**WORK TO BE COMPLETED**
Please repeat the lines below exactly. Begin with the line containing "#194=IFCRELAGGREGATES('0000000000000000000017',$,$,$,#8,(#16));" and go on through the line containing "#207=IFCMATERIAL('Thermally broken anodised".

(Beginning of EXERCISE INPUTS)

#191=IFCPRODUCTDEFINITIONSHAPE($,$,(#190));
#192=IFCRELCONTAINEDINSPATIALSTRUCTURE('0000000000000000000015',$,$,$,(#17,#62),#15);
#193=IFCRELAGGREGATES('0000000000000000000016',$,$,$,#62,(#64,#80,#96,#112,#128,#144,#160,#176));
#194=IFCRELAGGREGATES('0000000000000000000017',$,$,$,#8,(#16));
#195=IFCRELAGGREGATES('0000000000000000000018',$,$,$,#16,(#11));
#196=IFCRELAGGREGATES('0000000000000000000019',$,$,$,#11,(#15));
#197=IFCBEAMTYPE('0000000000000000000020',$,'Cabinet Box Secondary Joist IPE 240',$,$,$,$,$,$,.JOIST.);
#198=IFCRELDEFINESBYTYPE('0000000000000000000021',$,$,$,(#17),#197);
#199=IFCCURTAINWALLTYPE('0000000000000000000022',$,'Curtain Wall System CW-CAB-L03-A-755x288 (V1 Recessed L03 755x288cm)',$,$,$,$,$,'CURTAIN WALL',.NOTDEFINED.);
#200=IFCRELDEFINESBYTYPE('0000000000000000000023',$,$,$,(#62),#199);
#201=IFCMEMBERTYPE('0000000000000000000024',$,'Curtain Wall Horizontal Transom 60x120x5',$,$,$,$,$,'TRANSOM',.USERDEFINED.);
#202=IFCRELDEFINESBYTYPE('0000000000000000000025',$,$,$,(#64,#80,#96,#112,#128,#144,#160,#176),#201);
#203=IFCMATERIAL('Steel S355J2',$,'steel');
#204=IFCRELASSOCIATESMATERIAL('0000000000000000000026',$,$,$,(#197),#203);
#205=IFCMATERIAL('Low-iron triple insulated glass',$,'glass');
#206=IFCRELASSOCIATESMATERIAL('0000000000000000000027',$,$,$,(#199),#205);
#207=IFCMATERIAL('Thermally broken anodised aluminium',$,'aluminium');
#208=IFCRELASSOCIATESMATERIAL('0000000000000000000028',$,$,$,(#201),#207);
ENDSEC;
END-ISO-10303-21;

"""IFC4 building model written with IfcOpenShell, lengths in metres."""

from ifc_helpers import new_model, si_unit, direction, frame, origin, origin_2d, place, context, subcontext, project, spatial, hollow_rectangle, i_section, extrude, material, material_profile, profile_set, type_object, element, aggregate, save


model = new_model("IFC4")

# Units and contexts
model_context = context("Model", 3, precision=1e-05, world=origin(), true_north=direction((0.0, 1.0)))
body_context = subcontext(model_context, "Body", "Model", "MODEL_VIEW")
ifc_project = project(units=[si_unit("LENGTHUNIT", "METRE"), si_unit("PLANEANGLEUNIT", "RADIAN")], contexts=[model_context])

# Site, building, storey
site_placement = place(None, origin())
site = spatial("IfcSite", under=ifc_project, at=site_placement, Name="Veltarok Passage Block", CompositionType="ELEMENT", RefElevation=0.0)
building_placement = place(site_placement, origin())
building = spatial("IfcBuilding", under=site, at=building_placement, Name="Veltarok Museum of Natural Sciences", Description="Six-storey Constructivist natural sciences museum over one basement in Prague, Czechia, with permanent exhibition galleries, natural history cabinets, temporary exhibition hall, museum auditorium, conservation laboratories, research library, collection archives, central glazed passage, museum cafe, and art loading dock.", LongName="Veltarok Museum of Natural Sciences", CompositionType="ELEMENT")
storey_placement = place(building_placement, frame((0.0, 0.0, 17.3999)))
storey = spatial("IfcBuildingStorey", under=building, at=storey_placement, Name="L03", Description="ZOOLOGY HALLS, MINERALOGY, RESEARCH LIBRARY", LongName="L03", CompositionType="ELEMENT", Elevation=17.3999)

(End of EXERCISE INPUTS)

**EXPECTED ANSWER**
#194=IFCRELAGGREGATES('0000000000000000000017',$,$,$,#8,(#16));
#195=IFCRELAGGREGATES('0000000000000000000018',$,$,$,#16,(#11));
#196=IFCRELAGGREGATES('0000000000000000000019',$,$,$,#11,(#15));
#197=IFCBEAMTYPE('0000000000000000000020',$,'Cabinet Box Secondary Joist IPE 240',$,$,$,$,$,$,.JOIST.);
#198=IFCRELDEFINESBYTYPE('0000000000000000000021',$,$,$,(#17),#197);
#199=IFCCURTAINWALLTYPE('0000000000000000000022',$,'Curtain Wall System CW-CAB-L03-A-755x288 (V1 Recessed L03 755x288cm)',$,$,$,$,$,'CURTAIN WALL',.NOTDEFINED.);
#200=IFCRELDEFINESBYTYPE('0000000000000000000023',$,$,$,(#62),#199);
#201=IFCMEMBERTYPE('0000000000000000000024',$,'Curtain Wall Horizontal Transom 60x120x5',$,$,$,$,$,'TRANSOM',.USERDEFINED.);
#202=IFCRELDEFINESBYTYPE('0000000000000000000025',$,$,$,(#64,#80,#96,#112,#128,#144,#160,#176),#201);
#203=IFCMATERIAL('Steel S355J2',$,'steel');
#204=IFCRELASSOCIATESMATERIAL('0000000000000000000026',$,$,$,(#197),#203);
#205=IFCMATERIAL('Low-iron triple insulated glass',$,'glass');
#206=IFCRELASSOCIATESMATERIAL('0000000000000000000027',$,$,$,(#199),#205);
#207=IFCMATERIAL('Thermally broken anodised aluminium',$,'aluminium');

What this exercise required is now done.